◆ What you are asked to do
Look below for the line holding "#147=IFCINDEXEDPOLYGONALFACE((37,42,86,82));" and the line holding "#152=IFCINDEXEDPOLYGONALFACE((43,87,88,44));". Transcribe exactly those lines and all lines between them, nothing more.

◆ Data excerpts
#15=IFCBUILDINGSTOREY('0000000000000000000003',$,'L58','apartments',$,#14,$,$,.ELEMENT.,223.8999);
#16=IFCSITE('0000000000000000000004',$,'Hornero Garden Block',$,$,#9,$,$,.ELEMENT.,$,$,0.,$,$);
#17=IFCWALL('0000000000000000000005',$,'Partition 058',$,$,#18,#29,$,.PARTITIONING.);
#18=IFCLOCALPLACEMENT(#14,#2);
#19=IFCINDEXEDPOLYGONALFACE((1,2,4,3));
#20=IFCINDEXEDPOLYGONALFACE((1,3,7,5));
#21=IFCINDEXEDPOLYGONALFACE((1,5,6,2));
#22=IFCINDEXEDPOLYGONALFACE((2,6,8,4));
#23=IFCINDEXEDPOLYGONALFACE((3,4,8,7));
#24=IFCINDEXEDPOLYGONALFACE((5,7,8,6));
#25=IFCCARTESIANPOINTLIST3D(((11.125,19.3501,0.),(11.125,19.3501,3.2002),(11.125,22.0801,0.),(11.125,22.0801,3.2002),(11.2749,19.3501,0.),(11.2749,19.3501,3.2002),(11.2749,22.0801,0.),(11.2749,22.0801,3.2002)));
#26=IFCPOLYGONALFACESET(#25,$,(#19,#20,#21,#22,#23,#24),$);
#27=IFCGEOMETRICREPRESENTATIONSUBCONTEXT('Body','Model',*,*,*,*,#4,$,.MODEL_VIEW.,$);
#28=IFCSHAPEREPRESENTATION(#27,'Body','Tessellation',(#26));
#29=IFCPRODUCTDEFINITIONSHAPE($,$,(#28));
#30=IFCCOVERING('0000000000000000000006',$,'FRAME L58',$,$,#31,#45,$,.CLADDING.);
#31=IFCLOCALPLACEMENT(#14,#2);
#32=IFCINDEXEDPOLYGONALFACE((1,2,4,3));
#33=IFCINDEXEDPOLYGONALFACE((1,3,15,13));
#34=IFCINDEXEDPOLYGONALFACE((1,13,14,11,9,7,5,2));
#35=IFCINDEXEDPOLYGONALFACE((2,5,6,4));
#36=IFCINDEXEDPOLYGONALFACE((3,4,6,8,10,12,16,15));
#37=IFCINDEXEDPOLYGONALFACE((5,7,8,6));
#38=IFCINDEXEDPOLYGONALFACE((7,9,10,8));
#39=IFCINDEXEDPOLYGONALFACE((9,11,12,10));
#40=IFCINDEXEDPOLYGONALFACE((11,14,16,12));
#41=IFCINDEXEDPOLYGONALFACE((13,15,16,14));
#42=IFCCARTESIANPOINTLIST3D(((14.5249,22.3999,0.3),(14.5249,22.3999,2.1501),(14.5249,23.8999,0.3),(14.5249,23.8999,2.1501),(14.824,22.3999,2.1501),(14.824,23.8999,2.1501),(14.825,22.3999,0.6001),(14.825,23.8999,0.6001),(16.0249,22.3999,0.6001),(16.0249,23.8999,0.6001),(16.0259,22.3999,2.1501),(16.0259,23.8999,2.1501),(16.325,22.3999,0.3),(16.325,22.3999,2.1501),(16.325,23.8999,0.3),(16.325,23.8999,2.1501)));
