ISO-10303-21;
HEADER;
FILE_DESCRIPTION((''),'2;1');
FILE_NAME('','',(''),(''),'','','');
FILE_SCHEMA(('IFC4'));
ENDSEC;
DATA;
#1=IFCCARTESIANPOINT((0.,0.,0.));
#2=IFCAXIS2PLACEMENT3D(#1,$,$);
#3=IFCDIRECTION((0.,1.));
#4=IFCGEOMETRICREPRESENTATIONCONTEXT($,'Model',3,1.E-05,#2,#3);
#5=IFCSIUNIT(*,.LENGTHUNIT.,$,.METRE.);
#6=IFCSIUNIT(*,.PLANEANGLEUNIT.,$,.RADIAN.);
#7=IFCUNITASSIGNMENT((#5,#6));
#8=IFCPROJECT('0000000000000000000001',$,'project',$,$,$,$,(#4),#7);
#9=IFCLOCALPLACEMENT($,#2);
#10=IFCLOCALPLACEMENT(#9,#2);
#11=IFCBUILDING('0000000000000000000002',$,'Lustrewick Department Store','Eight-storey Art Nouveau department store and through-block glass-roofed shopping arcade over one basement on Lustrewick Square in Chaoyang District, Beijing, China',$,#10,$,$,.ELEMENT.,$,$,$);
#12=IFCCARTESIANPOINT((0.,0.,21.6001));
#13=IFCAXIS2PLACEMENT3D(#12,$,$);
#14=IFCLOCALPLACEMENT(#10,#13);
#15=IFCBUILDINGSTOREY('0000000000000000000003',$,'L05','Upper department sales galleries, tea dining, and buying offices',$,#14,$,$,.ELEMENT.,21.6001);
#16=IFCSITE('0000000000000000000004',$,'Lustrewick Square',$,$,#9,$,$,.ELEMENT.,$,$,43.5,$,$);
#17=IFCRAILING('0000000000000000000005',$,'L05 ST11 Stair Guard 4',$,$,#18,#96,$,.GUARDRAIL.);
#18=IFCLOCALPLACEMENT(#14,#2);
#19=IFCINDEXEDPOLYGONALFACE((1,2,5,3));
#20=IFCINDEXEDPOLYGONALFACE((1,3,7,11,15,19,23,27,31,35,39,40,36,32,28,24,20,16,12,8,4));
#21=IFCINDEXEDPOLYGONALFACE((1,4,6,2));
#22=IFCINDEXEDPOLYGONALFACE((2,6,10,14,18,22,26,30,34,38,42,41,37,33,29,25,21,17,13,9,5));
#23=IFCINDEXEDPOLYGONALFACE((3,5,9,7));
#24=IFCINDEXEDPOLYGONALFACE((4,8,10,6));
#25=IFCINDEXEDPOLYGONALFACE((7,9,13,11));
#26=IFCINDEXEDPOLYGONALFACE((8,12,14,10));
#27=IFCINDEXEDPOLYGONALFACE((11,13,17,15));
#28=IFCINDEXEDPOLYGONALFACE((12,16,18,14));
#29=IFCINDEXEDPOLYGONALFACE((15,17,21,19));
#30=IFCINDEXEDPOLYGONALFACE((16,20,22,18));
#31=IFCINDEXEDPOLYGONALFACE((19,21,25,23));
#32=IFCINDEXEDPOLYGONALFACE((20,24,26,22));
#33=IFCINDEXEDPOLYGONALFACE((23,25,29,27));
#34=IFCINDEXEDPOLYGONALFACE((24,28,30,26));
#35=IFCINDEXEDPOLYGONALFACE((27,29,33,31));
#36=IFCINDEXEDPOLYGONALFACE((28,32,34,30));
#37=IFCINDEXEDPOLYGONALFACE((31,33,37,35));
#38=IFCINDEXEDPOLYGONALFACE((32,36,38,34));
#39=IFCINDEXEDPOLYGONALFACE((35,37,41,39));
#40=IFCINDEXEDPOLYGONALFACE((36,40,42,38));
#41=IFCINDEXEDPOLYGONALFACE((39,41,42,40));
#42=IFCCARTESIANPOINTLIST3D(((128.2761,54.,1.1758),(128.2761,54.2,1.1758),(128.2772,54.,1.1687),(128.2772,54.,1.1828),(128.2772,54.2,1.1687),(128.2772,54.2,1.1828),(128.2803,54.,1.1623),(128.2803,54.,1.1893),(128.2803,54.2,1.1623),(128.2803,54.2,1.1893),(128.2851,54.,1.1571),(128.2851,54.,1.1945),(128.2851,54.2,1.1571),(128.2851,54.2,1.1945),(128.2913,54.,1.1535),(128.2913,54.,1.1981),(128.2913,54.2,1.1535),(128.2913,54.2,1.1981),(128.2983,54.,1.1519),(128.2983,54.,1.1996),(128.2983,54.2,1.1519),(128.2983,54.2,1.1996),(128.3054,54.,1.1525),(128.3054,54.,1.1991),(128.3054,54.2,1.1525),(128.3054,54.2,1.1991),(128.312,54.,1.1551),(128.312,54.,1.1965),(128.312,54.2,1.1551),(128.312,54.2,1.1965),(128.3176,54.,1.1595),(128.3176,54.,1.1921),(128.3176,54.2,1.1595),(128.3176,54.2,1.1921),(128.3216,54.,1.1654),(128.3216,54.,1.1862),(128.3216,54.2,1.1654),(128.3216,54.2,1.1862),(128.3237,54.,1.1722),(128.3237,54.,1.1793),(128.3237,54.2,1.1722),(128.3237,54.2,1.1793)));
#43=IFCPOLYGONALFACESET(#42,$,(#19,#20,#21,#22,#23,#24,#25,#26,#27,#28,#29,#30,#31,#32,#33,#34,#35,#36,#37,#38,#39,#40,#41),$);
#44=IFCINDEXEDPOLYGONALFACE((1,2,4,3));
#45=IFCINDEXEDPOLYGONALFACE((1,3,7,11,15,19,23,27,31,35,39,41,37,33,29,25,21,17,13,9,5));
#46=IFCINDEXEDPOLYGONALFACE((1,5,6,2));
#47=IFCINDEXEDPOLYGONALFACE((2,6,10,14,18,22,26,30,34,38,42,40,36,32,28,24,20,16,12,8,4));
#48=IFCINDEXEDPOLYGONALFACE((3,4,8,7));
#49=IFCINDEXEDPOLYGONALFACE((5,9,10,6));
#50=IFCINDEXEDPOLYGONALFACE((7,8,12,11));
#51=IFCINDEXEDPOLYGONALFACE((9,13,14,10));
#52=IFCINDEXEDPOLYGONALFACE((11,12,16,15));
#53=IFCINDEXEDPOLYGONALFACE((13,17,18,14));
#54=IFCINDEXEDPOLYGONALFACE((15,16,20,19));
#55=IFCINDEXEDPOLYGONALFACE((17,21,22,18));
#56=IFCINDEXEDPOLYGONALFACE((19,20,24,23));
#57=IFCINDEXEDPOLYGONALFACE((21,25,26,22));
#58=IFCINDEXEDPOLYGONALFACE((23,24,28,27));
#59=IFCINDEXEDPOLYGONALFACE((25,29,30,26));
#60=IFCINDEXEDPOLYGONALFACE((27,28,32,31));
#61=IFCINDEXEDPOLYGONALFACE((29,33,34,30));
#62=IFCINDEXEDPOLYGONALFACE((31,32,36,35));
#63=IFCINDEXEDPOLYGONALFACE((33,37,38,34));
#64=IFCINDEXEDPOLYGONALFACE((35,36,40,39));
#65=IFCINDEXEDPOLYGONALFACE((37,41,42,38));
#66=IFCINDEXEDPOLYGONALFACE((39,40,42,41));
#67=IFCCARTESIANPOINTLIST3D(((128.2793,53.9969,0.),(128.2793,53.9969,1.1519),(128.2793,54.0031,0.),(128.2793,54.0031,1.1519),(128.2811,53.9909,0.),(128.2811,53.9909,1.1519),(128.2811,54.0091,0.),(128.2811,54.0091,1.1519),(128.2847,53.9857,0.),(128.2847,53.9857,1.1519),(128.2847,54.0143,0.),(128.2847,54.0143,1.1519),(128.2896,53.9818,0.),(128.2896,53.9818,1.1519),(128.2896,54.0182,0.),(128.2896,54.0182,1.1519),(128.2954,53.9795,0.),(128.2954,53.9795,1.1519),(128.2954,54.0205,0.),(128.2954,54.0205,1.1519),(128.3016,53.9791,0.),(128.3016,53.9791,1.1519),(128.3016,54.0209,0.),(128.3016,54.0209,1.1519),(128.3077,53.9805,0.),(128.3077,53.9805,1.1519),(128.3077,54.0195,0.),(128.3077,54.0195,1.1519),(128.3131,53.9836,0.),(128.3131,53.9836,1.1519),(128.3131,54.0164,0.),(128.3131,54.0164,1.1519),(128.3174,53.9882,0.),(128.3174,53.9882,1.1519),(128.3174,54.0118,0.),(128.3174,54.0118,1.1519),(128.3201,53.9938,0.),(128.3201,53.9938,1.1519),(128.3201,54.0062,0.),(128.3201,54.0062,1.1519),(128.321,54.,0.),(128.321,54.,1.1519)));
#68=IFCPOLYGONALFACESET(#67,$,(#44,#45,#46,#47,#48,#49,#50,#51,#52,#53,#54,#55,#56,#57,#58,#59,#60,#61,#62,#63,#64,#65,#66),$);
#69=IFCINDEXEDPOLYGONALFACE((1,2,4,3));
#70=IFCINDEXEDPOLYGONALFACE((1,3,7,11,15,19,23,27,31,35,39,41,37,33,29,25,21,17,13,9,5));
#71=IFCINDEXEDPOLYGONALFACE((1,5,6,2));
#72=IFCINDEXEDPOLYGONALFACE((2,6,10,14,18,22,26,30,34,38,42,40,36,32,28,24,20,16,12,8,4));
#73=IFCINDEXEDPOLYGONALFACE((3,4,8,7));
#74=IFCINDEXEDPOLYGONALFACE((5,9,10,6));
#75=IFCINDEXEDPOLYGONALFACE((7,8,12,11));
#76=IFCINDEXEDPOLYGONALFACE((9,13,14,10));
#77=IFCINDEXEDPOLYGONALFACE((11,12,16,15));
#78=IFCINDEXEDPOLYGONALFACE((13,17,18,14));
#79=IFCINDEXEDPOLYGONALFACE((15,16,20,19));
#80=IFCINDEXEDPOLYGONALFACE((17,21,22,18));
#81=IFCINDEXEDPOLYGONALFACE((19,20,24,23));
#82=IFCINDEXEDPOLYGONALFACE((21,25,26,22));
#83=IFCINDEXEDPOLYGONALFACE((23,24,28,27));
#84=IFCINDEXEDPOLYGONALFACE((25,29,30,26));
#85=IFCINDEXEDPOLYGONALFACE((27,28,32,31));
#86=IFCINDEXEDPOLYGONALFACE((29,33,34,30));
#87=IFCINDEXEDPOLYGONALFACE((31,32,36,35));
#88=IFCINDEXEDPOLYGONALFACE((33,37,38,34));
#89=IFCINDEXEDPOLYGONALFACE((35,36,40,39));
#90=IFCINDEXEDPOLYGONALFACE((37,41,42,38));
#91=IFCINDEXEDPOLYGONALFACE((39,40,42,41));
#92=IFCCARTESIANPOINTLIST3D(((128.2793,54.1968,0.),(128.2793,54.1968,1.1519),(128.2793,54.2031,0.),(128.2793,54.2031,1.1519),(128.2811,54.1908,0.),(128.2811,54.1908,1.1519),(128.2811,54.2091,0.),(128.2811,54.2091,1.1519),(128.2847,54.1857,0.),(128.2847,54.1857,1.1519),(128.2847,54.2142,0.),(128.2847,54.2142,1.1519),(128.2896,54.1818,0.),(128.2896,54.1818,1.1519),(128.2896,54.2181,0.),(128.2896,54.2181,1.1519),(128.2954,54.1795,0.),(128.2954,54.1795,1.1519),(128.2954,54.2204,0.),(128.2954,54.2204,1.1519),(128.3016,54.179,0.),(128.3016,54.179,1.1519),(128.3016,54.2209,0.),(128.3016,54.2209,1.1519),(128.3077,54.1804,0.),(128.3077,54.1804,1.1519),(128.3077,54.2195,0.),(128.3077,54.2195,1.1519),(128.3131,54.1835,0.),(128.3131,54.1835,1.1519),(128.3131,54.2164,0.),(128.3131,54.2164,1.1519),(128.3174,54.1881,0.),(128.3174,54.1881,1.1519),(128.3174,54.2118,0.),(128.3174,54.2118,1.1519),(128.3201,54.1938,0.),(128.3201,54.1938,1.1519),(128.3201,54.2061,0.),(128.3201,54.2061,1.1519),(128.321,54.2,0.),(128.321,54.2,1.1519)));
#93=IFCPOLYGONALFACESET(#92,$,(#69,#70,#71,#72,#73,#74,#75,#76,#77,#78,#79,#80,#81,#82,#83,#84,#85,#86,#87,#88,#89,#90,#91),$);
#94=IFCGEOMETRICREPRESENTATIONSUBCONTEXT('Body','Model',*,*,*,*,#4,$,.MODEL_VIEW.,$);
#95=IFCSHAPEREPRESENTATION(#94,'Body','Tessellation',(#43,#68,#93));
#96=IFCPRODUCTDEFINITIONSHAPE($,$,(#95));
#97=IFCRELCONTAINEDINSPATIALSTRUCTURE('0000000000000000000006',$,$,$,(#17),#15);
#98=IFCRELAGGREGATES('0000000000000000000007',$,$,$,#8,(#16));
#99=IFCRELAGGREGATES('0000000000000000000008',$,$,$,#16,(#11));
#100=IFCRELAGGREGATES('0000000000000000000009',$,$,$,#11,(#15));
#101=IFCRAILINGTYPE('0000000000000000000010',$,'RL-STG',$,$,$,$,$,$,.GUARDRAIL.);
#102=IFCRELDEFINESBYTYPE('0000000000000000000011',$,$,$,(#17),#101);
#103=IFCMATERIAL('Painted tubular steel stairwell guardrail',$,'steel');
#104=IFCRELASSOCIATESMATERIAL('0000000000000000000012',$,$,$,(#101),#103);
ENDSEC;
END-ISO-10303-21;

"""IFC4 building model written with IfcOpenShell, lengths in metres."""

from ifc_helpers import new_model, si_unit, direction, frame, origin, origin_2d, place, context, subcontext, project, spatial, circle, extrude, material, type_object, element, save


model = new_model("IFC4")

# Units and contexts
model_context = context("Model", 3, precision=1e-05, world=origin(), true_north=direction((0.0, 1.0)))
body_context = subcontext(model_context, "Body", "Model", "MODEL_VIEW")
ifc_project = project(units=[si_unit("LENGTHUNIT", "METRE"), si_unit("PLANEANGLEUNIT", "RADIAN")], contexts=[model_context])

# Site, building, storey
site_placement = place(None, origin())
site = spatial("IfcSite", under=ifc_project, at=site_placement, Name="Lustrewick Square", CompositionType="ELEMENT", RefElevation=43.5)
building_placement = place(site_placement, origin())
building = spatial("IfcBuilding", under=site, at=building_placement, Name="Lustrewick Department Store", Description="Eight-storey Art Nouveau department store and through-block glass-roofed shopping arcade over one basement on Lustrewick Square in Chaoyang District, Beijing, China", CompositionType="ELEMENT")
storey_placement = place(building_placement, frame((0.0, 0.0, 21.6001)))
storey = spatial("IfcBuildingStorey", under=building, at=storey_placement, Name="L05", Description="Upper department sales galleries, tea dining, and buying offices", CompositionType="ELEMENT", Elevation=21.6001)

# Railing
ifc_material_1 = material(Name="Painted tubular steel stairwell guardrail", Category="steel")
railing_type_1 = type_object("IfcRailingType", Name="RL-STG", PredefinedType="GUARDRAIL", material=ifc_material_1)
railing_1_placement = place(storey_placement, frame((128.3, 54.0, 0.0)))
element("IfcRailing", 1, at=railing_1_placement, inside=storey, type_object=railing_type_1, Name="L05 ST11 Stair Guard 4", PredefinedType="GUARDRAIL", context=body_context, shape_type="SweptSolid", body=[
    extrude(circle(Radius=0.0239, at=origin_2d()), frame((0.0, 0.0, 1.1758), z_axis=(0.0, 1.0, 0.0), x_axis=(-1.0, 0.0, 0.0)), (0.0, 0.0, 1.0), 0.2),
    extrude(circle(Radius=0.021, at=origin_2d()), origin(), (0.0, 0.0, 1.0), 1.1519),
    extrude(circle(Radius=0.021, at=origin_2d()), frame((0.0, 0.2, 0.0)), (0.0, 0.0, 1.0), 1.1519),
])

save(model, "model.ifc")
* * *
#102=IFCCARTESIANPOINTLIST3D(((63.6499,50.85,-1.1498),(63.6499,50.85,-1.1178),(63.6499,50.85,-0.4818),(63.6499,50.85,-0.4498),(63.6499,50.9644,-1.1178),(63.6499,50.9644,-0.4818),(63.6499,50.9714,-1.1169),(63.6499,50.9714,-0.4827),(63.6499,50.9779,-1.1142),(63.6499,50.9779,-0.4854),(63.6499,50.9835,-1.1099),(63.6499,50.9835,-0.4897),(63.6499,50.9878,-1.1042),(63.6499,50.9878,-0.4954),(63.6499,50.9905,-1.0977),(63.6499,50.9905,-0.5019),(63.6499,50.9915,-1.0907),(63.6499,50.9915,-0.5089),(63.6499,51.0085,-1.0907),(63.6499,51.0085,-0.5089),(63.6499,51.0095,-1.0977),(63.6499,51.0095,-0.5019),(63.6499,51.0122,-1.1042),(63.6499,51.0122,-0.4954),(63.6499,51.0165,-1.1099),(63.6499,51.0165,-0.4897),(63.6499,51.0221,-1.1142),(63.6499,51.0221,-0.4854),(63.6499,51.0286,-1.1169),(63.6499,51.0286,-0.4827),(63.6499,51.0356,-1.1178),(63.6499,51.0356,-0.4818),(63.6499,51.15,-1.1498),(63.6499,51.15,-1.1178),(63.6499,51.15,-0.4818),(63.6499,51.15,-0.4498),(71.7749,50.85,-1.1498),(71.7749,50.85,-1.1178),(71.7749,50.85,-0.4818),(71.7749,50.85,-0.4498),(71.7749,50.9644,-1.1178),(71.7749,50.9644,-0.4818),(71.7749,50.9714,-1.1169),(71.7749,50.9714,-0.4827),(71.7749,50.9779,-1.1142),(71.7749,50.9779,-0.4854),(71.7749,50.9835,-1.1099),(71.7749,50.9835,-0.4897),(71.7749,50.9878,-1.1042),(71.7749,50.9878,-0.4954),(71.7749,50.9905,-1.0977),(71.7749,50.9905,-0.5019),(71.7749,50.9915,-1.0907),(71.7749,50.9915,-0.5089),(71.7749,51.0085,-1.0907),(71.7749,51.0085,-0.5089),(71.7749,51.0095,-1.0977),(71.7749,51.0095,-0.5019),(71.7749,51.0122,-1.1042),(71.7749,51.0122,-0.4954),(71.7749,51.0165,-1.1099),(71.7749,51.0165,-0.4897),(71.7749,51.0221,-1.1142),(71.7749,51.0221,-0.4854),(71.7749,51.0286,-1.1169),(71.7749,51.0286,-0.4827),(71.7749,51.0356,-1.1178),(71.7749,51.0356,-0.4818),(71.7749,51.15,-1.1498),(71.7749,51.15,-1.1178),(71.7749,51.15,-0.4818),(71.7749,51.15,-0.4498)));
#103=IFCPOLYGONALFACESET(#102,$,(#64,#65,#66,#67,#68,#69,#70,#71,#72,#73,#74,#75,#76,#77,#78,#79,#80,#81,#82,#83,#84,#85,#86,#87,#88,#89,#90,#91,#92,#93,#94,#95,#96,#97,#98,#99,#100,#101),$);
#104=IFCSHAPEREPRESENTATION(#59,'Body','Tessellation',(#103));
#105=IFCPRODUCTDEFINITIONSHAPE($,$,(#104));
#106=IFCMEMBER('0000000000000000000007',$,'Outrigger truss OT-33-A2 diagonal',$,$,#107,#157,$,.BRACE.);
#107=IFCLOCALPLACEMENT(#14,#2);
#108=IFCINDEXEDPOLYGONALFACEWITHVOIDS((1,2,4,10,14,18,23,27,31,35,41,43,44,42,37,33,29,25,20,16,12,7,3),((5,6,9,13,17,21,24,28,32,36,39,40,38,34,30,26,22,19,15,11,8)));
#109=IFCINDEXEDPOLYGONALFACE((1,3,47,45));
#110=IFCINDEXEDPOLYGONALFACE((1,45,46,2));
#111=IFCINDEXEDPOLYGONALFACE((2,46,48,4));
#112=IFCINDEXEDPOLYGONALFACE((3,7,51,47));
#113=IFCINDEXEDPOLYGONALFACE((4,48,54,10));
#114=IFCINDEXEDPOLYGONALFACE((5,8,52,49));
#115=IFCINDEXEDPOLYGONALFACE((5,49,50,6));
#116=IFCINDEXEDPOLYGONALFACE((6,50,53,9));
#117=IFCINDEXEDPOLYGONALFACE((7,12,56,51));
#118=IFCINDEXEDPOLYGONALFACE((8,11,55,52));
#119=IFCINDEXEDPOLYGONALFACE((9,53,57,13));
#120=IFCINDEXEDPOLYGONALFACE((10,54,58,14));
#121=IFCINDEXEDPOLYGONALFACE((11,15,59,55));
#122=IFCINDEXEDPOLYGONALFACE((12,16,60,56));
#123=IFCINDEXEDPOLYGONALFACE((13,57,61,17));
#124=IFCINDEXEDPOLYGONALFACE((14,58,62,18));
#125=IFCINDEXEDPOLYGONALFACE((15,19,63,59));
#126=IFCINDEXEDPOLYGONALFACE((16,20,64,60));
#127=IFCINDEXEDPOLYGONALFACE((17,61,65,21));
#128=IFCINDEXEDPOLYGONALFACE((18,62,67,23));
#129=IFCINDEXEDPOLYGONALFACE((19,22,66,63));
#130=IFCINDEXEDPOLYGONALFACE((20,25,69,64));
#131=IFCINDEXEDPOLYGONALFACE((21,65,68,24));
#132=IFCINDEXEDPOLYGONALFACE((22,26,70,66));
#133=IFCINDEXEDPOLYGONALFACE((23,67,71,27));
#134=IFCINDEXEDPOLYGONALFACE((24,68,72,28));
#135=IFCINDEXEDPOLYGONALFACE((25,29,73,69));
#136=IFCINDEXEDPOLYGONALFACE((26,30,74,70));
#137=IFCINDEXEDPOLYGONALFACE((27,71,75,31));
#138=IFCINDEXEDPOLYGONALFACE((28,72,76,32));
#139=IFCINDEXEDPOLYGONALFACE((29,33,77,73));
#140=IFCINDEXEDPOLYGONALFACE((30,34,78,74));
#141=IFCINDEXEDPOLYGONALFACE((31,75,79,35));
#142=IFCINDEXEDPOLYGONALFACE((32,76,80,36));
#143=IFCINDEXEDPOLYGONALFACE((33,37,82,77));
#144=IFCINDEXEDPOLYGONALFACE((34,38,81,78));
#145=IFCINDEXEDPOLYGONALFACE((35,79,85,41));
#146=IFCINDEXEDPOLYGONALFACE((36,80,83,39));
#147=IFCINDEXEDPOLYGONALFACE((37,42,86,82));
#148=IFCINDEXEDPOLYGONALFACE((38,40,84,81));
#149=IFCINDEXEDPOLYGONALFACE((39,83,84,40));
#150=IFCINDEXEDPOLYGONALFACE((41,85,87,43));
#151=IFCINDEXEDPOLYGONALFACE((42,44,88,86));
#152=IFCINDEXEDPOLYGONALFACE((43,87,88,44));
--
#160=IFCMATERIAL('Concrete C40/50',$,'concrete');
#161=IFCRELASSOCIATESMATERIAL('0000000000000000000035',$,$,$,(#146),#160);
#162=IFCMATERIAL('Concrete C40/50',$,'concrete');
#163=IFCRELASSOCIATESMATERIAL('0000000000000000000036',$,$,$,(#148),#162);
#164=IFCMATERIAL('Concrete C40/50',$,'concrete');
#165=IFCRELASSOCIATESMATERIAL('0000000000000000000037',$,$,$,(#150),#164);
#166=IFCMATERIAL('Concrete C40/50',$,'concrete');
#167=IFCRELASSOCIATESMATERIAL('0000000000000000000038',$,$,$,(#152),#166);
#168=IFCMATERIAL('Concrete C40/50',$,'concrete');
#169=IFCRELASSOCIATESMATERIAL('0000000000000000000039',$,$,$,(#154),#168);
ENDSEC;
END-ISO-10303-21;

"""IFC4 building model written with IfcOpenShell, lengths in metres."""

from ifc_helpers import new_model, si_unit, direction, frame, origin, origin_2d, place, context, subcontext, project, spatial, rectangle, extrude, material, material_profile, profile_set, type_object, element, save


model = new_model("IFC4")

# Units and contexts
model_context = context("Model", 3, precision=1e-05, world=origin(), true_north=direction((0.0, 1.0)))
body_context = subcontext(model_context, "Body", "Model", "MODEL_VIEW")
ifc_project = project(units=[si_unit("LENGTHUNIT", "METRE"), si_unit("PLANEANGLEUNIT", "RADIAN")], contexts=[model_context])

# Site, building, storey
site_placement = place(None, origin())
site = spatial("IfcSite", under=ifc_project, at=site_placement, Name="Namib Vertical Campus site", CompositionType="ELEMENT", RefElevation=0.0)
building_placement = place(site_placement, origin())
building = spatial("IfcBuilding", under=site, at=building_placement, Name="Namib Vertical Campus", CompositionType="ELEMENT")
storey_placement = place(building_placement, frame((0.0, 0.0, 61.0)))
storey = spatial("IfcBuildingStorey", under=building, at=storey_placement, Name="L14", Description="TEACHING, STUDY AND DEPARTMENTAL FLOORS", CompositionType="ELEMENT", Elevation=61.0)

◆ Answer section
#147=IFCINDEXEDPOLYGONALFACE((37,42,86,82));
#148=IFCINDEXEDPOLYGONALFACE((38,40,84,81));
#149=IFCINDEXEDPOLYGONALFACE((39,83,84,40));
#150=IFCINDEXEDPOLYGONALFACE((41,85,87,43));
#151=IFCINDEXEDPOLYGONALFACE((42,44,88,86));
#152=IFCINDEXEDPOLYGONALFACE((43,87,88,44));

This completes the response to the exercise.